## DIRECTIONS FOR THIS TASK
Using the data below, copy every line that contains the word "Concrete".

Collected data entries:
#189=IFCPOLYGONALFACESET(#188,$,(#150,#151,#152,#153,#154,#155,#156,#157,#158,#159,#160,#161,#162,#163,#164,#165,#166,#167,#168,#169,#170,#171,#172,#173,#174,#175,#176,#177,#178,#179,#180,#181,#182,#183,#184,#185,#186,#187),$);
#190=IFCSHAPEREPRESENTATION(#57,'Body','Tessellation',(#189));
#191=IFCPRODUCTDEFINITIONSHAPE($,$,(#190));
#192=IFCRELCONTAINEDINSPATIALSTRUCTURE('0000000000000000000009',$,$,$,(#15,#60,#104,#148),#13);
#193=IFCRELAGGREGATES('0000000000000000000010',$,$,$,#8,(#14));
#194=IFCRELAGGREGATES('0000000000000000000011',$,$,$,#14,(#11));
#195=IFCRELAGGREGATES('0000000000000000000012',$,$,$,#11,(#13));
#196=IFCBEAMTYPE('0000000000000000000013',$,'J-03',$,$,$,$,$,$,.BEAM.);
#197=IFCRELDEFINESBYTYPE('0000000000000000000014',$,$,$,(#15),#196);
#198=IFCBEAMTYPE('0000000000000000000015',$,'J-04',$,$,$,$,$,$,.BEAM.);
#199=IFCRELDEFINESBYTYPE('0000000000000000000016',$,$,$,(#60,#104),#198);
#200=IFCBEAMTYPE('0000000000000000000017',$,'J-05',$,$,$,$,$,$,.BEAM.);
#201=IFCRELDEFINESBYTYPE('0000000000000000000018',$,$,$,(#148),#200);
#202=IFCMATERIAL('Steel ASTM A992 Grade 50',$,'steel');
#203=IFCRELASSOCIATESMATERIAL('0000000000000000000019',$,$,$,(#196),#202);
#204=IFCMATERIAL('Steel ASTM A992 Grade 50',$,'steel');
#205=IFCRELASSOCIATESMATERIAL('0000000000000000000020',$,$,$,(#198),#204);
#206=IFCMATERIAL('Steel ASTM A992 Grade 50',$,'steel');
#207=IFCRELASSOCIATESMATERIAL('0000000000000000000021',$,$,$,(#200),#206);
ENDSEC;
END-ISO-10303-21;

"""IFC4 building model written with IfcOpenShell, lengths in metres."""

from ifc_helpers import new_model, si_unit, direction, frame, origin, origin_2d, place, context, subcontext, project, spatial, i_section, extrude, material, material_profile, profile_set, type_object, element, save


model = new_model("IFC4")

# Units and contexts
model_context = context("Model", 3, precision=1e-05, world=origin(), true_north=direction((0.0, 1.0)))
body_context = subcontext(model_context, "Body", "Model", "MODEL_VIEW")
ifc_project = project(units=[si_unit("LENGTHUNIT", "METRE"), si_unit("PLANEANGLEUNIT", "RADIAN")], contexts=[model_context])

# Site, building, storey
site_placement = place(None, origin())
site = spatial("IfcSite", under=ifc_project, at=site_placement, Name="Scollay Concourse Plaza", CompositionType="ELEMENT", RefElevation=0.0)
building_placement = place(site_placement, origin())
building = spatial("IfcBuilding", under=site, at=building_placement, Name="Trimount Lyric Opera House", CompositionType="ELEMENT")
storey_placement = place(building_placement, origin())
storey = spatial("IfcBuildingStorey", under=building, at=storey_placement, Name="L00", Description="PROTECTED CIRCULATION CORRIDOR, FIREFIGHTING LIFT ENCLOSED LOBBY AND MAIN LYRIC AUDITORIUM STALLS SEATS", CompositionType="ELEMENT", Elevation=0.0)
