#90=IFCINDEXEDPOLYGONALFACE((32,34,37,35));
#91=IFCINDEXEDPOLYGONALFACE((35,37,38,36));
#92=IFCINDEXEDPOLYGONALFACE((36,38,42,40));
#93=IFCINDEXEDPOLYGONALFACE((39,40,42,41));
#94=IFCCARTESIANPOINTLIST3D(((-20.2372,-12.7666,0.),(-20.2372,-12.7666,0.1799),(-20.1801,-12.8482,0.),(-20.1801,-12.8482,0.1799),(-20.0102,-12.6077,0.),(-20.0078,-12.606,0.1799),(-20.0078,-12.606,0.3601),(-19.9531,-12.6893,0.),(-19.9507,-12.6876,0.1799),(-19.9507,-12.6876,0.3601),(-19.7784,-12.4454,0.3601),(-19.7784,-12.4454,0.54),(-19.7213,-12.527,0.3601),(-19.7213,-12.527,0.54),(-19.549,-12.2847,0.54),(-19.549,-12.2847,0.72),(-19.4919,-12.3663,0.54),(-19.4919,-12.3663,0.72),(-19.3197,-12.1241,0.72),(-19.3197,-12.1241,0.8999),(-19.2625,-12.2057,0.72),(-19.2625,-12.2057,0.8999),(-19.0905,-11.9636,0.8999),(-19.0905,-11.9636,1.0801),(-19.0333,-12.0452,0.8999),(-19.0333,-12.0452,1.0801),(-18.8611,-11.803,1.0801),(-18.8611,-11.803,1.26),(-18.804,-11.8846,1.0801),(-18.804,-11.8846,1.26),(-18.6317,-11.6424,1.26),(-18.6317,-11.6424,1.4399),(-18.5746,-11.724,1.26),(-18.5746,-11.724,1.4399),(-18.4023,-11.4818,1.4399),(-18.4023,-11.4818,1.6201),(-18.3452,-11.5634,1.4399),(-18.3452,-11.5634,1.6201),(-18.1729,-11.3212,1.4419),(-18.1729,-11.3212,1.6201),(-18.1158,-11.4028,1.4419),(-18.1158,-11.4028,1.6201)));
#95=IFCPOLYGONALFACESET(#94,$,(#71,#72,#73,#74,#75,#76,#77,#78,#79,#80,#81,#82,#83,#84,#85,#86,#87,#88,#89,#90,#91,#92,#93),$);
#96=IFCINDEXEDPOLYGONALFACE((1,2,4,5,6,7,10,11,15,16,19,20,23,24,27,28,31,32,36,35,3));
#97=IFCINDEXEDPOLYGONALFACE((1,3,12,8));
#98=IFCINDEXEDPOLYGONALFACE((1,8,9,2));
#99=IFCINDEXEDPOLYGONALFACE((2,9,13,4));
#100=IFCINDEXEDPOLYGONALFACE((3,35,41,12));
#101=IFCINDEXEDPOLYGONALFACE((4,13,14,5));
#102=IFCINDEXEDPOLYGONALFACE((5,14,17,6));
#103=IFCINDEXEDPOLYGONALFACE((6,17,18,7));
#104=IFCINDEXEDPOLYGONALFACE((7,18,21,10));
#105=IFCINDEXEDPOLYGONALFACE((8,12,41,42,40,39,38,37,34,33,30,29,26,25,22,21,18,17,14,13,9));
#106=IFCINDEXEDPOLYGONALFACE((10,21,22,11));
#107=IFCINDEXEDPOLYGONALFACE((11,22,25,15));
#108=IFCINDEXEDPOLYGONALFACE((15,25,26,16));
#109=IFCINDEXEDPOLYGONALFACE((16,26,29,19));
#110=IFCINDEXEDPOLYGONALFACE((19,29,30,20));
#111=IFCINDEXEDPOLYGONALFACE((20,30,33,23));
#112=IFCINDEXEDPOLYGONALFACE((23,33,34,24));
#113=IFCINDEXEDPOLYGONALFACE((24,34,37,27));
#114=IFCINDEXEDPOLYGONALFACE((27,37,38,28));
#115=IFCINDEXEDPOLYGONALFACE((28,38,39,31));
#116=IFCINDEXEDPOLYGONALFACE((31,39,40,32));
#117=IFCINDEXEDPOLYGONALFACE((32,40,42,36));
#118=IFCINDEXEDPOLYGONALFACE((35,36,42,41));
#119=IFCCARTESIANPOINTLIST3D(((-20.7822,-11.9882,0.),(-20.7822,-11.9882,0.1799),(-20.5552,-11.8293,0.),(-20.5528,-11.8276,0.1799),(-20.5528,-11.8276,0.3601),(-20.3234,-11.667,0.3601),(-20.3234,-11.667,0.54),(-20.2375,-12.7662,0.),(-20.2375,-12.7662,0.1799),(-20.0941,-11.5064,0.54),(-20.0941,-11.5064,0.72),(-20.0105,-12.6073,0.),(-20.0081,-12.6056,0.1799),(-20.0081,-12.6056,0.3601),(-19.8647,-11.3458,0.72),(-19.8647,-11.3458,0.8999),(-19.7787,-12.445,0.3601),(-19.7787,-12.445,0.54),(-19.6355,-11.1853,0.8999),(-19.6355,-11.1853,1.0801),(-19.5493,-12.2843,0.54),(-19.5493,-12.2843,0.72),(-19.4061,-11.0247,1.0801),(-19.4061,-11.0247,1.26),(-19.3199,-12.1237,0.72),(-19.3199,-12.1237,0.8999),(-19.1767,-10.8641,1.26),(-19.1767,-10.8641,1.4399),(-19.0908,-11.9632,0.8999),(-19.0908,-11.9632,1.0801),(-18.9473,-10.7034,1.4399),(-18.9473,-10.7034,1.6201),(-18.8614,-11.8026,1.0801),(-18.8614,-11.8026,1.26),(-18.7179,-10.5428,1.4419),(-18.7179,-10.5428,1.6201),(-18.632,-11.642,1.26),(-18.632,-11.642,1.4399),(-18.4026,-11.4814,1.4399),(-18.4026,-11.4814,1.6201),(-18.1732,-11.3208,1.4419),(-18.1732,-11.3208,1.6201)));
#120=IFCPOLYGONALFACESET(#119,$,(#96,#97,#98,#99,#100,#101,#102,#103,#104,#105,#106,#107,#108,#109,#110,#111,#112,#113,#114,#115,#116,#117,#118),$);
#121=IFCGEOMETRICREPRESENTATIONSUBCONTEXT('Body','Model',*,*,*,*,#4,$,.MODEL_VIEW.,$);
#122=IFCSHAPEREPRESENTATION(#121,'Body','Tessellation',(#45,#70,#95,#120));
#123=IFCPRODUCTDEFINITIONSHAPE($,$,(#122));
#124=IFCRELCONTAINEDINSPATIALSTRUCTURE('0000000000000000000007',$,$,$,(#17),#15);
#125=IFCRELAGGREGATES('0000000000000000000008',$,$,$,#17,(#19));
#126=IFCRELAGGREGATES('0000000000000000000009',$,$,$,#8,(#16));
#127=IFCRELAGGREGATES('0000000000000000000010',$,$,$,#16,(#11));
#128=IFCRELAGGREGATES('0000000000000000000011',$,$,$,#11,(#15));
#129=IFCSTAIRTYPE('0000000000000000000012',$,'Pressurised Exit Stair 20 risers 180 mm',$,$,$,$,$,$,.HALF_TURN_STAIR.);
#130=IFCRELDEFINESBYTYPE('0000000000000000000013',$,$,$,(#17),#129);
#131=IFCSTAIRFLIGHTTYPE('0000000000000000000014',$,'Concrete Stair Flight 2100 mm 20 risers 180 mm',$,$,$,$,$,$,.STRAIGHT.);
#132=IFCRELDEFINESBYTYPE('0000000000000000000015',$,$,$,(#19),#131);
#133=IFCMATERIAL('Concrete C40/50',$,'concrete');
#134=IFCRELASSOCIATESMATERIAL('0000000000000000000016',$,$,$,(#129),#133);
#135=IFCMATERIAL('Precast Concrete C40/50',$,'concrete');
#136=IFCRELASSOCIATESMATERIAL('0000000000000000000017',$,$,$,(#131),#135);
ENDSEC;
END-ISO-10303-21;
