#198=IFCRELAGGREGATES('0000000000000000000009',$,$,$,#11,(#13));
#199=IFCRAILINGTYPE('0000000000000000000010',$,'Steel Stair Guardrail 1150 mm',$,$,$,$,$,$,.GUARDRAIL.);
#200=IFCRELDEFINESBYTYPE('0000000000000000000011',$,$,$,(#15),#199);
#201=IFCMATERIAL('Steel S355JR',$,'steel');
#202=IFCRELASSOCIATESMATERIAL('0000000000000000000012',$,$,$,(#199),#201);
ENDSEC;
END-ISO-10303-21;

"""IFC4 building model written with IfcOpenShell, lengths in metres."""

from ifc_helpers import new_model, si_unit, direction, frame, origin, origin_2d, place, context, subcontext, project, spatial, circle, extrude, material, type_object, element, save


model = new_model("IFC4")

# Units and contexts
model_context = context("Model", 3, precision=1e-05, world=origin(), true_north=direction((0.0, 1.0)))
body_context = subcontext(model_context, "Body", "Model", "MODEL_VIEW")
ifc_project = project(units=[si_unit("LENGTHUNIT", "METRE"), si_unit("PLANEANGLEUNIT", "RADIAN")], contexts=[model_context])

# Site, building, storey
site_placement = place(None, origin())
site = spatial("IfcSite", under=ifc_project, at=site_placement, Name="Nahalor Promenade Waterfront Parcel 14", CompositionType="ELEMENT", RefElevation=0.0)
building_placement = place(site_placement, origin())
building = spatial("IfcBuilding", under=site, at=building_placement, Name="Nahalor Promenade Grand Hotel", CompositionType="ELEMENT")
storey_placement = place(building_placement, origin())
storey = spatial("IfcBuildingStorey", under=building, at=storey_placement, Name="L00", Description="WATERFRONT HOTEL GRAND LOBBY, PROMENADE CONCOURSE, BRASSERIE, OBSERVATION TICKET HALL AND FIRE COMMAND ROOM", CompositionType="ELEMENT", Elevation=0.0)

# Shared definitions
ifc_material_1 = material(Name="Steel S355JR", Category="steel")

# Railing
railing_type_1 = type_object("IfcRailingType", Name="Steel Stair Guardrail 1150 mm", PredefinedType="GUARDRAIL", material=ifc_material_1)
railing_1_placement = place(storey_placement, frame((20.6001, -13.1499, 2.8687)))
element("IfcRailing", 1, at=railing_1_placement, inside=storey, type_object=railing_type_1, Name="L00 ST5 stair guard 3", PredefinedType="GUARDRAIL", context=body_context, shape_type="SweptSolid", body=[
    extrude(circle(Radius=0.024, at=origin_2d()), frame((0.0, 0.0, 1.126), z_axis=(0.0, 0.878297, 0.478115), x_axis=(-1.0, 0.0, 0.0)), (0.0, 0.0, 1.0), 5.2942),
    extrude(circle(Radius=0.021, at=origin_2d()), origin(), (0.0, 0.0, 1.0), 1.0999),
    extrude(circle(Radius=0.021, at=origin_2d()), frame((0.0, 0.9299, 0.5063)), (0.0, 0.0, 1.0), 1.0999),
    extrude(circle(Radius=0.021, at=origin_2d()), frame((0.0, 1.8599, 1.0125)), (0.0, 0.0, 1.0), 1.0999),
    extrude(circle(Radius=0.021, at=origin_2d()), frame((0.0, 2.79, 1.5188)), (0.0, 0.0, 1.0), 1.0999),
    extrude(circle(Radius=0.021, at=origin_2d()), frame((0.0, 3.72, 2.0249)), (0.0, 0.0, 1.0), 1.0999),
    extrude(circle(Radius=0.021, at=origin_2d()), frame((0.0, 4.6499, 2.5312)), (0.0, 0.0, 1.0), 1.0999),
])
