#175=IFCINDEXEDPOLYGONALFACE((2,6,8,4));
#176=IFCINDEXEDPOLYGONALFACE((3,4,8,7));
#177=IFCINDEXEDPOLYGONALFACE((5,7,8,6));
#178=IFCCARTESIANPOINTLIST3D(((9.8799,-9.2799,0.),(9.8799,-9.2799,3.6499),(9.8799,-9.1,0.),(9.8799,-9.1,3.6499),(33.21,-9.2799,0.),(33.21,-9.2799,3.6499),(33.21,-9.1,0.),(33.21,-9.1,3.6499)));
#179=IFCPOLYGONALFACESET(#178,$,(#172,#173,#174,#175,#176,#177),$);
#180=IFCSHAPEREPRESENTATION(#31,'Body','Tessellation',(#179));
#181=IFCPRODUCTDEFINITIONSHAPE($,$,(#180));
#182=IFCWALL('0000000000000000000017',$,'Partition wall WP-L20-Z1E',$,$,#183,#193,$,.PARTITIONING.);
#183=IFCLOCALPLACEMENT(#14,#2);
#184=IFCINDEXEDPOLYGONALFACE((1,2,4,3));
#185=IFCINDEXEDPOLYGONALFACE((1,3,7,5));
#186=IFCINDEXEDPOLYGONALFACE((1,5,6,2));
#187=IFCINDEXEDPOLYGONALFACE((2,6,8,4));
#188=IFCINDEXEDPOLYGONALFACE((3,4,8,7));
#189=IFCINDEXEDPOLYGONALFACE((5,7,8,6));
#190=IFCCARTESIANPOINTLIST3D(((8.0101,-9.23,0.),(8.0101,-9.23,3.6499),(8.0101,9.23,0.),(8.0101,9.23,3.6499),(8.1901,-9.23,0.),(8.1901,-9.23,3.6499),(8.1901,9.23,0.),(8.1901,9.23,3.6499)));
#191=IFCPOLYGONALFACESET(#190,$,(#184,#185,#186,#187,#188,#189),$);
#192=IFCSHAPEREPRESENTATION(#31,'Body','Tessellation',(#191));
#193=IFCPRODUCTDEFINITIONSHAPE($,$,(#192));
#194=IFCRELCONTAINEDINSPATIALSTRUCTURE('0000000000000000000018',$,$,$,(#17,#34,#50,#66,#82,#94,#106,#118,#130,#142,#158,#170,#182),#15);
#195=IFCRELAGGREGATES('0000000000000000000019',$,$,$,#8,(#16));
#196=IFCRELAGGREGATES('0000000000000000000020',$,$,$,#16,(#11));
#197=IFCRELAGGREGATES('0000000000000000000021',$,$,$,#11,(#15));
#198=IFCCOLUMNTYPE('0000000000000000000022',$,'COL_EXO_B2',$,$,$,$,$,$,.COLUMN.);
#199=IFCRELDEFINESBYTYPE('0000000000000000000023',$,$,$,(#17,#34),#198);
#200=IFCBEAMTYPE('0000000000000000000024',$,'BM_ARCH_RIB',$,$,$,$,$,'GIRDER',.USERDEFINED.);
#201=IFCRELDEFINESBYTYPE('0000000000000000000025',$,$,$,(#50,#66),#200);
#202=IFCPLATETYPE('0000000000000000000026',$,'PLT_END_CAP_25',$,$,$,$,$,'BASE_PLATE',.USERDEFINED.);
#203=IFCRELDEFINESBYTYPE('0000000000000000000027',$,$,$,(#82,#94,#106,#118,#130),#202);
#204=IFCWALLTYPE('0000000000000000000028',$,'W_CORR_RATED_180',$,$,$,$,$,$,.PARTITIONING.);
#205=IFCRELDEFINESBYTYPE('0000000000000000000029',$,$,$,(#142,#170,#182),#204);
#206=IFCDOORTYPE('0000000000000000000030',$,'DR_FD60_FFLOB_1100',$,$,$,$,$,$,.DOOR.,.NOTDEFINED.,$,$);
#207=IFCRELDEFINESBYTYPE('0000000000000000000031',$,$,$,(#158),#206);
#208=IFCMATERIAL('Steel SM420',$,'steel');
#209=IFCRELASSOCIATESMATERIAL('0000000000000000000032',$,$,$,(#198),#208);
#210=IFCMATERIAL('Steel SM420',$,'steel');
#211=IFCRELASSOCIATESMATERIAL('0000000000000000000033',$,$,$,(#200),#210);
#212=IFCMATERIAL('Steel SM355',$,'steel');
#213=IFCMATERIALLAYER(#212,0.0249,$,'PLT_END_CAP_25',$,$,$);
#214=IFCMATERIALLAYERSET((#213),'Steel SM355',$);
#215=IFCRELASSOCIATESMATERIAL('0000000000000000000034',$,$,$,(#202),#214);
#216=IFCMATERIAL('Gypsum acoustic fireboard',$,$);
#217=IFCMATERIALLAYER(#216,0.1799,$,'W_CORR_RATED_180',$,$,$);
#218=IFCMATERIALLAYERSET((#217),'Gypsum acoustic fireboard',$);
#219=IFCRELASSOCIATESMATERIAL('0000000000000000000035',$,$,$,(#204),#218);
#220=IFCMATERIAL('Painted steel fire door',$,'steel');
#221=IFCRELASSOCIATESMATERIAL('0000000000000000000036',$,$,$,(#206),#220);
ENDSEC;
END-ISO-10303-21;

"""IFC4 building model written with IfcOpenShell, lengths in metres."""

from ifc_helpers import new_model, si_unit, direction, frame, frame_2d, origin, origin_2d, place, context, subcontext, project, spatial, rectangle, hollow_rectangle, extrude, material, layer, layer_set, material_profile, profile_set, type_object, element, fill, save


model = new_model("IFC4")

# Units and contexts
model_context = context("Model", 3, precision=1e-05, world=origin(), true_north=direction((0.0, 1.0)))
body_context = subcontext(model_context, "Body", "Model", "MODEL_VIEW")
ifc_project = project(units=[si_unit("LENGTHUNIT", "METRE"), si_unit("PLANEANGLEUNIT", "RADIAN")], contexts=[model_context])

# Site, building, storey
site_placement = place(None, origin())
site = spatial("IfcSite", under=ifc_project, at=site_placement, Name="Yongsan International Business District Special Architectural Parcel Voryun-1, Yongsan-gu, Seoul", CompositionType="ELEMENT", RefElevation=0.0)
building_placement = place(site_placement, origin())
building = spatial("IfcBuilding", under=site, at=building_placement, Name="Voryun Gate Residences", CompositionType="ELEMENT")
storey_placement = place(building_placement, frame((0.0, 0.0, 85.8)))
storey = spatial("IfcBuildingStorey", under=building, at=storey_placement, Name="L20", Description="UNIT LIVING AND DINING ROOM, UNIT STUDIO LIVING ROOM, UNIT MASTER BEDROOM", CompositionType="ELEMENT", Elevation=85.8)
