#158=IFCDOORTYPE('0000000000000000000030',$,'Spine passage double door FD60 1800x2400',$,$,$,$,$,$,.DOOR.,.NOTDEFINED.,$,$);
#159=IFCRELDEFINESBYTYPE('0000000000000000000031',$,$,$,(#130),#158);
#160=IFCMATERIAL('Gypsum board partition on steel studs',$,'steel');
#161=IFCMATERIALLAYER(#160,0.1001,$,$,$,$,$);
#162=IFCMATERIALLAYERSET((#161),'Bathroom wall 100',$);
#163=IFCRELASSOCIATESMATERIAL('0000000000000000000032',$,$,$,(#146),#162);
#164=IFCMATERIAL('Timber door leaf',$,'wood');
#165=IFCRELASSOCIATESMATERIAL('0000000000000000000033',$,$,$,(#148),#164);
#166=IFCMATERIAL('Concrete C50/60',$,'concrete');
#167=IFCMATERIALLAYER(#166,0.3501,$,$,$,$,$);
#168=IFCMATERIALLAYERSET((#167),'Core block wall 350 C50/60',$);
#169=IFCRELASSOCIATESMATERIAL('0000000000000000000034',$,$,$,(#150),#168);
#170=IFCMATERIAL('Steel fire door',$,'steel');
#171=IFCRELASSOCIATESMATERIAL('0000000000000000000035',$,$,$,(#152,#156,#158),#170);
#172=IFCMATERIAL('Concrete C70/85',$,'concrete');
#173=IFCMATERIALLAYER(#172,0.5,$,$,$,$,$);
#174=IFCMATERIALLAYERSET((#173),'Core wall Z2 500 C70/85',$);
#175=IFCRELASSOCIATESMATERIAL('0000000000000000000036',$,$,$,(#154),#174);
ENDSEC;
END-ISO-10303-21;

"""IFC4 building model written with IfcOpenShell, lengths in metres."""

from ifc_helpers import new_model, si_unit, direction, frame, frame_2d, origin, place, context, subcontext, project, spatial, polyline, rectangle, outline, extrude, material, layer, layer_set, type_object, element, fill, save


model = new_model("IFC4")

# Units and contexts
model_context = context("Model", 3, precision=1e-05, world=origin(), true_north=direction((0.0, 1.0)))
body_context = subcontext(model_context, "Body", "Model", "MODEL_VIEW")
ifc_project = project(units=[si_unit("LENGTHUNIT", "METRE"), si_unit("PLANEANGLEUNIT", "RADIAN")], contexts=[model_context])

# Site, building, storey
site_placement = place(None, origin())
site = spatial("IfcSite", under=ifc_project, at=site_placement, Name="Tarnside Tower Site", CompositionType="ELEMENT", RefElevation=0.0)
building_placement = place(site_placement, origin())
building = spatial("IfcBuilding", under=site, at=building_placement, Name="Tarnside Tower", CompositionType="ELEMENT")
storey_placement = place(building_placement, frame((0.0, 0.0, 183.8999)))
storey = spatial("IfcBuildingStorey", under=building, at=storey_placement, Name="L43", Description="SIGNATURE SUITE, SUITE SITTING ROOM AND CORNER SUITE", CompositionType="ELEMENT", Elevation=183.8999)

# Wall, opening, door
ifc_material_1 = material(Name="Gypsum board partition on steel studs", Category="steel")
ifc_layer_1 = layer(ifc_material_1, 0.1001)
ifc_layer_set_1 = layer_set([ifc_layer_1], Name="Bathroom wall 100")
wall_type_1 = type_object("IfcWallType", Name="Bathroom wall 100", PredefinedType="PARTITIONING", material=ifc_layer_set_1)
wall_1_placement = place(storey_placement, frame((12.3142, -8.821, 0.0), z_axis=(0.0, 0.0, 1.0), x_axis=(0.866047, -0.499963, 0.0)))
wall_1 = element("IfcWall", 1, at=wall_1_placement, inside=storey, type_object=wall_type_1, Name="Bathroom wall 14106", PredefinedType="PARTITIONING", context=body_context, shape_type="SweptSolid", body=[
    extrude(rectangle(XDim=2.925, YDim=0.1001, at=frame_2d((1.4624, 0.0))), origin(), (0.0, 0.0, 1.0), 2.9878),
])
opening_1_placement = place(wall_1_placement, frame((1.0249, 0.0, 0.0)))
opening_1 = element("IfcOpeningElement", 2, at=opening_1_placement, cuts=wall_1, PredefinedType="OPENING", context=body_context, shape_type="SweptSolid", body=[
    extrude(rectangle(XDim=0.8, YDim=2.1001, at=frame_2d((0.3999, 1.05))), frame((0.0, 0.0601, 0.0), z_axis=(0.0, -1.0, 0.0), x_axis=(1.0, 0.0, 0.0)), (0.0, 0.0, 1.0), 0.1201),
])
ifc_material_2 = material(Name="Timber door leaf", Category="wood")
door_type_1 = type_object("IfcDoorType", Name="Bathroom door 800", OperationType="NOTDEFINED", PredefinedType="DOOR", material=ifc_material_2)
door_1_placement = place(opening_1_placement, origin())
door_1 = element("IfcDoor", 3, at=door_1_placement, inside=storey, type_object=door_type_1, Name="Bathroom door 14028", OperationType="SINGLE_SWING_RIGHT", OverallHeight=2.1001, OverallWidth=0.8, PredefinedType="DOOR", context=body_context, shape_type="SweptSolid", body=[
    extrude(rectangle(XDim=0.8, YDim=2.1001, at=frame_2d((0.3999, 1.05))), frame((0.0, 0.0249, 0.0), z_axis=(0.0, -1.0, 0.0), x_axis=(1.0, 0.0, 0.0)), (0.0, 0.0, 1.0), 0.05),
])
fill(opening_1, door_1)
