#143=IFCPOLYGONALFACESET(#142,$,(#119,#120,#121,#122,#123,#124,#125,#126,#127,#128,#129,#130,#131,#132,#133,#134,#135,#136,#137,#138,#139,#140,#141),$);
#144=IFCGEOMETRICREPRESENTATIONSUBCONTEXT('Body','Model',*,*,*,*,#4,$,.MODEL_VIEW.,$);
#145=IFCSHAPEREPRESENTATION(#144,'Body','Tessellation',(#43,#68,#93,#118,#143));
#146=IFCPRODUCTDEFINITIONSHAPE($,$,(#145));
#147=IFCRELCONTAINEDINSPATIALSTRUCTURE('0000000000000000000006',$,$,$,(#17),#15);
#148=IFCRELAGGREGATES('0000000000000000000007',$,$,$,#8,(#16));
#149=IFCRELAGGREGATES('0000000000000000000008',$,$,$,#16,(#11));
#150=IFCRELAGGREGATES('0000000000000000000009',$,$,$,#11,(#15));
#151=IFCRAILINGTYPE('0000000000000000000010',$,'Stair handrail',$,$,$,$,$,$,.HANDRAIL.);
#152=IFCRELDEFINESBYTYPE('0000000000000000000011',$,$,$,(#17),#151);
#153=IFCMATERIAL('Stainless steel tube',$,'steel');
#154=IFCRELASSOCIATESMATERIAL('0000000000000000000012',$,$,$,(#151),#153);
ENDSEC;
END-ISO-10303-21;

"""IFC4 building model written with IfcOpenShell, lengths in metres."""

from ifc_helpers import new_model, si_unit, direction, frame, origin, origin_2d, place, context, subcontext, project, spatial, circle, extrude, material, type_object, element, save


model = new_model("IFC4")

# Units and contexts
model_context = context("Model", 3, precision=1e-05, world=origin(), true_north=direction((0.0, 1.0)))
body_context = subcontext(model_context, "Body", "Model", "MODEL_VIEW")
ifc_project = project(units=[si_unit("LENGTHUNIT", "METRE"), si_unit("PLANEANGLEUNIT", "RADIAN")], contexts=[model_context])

## ANSWER SECTION
#131=IFCSTAIRFLIGHTTYPE('0000000000000000000014',$,'Concrete Stair Flight 2100 mm 20 risers 180 mm',$,$,$,$,$,$,.STRAIGHT.);
#133=IFCMATERIAL('Concrete C40/50',$,'concrete');
#135=IFCMATERIAL('Precast Concrete C40/50',$,'concrete');
#166=IFCMATERIAL('Concrete C50/60',$,'concrete');
#172=IFCMATERIAL('Concrete C70/85',$,'concrete');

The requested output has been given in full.